Segment Start: Supplied material
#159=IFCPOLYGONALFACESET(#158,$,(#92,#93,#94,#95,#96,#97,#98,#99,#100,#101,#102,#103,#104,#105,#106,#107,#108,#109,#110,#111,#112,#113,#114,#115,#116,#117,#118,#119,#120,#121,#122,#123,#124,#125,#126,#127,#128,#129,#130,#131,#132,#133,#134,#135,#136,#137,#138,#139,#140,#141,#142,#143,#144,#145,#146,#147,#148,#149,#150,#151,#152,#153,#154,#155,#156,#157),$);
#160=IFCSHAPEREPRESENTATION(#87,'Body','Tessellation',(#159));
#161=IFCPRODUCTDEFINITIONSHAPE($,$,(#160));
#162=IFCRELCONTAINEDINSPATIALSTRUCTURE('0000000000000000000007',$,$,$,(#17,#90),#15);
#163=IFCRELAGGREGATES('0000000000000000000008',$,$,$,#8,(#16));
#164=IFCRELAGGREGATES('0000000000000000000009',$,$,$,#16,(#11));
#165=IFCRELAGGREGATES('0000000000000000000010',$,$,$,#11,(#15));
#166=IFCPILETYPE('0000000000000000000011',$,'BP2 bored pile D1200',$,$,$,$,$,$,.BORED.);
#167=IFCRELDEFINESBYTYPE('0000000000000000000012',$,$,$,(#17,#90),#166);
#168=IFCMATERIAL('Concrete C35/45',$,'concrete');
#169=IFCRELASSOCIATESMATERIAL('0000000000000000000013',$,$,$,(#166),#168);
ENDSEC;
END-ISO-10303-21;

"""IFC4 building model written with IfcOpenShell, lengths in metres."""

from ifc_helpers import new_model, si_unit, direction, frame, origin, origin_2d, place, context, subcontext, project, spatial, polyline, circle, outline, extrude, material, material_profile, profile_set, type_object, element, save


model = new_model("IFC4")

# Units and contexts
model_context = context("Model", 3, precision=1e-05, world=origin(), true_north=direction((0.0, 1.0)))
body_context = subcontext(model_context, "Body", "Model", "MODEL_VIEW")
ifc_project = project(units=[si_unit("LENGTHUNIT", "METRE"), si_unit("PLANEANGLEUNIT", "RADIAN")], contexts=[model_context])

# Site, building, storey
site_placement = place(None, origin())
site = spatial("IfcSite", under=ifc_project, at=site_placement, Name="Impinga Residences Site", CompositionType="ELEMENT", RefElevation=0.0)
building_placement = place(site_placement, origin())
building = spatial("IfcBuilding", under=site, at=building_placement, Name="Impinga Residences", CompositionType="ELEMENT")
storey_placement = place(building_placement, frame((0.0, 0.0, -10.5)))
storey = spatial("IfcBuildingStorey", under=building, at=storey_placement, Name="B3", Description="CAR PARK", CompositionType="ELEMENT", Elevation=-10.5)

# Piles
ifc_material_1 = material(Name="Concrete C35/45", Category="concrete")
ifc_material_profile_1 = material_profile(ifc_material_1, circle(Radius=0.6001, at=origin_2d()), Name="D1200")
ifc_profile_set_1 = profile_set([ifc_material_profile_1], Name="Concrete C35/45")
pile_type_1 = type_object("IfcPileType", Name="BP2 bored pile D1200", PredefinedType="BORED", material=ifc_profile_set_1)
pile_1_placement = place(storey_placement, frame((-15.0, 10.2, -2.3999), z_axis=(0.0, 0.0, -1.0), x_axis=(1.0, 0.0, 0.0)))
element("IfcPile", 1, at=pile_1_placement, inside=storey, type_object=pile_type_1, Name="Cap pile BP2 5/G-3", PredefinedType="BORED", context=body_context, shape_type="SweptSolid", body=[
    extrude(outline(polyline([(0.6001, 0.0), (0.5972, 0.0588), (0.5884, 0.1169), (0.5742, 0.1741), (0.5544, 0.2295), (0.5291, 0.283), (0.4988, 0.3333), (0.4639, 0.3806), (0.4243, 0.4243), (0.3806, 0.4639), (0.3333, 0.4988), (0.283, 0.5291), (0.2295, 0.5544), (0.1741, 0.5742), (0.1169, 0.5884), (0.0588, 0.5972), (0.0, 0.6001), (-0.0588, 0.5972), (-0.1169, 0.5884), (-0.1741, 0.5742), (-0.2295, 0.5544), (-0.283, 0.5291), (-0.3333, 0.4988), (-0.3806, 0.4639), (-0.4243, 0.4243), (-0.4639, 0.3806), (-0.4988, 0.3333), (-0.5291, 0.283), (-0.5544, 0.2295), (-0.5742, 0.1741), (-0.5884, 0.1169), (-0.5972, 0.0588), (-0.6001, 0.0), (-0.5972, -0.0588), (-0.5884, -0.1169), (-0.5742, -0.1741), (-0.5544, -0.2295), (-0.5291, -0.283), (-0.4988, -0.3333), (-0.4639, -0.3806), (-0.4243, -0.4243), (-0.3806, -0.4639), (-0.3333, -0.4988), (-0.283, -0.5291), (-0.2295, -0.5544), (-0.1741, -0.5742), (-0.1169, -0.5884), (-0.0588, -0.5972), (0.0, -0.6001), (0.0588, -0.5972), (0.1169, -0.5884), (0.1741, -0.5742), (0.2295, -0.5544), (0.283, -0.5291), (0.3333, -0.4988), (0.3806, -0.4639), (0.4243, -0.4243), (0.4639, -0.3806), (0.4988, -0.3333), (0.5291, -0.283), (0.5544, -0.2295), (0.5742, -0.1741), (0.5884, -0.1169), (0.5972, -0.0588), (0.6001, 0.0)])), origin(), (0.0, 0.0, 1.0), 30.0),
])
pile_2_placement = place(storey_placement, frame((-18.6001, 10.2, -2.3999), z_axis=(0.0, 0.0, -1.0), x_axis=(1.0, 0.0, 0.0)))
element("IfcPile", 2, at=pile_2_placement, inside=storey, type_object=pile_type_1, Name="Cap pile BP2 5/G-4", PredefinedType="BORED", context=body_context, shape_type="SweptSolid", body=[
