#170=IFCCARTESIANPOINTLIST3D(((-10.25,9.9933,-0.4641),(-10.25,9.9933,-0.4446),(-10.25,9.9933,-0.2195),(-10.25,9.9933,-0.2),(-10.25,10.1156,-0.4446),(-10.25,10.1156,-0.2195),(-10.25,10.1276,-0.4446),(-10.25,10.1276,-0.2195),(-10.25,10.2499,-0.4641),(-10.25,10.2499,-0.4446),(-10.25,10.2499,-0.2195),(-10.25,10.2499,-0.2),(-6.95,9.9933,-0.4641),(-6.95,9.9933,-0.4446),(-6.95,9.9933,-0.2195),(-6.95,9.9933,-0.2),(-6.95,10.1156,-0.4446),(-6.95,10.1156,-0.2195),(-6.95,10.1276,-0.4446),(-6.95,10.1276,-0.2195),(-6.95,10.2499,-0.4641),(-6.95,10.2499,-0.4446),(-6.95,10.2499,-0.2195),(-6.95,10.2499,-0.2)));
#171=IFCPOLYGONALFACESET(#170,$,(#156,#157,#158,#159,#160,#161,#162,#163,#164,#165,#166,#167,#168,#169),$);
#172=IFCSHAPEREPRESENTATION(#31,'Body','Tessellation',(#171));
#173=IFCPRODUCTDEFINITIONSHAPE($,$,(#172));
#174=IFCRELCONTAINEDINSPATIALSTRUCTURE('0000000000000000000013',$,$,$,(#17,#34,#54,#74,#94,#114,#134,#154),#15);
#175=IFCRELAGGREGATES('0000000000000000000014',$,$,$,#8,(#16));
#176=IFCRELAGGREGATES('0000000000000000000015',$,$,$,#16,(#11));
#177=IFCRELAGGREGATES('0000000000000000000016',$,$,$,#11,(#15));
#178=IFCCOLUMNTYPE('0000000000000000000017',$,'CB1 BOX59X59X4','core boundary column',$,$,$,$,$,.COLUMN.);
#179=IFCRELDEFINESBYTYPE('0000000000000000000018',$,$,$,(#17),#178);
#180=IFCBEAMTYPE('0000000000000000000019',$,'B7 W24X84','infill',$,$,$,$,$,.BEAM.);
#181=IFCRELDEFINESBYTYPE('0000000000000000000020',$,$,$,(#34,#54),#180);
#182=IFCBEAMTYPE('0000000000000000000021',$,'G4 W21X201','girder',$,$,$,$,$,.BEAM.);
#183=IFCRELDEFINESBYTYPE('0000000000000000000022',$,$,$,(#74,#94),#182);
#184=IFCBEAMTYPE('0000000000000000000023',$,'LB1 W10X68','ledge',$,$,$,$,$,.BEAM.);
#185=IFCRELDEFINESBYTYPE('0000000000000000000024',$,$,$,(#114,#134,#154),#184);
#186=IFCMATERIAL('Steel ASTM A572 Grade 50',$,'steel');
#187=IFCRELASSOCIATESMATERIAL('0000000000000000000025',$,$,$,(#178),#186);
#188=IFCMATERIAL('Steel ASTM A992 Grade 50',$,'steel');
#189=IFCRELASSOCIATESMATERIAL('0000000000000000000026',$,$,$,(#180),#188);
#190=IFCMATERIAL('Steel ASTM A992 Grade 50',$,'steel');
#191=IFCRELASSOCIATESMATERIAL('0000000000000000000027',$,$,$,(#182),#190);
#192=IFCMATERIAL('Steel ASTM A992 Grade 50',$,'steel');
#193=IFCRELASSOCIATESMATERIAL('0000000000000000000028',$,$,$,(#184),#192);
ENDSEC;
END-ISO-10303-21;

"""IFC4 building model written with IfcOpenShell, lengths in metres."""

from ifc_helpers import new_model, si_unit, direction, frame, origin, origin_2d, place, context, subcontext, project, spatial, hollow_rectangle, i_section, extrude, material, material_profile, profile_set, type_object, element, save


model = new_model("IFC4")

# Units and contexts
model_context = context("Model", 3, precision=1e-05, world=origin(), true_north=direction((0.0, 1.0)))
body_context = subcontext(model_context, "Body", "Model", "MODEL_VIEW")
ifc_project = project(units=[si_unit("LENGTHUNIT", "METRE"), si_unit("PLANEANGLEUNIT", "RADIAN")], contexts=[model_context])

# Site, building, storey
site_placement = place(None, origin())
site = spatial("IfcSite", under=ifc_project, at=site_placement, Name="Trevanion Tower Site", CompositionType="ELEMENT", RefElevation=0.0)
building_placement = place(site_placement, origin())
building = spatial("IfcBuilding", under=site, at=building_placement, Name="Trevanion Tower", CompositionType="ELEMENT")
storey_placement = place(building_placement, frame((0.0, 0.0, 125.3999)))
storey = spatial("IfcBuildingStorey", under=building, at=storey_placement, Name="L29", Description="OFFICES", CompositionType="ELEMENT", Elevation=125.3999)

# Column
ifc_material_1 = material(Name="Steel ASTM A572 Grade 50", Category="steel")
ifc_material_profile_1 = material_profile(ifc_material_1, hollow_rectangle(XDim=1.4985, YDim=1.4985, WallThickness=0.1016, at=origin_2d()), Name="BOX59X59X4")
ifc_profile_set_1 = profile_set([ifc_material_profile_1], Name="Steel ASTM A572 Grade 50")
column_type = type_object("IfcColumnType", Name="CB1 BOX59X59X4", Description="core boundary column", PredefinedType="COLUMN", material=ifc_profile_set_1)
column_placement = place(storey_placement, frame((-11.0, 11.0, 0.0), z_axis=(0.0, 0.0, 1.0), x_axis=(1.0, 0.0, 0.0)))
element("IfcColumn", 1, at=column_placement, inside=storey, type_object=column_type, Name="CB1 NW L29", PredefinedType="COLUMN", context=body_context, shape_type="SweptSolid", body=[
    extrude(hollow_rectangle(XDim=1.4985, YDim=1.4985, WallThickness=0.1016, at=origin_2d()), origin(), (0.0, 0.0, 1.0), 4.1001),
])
Segment End: Supplied material
- What is needed
Search the entries above for lines holding the string "Tessellation", then report only how many there are.

- Answer
2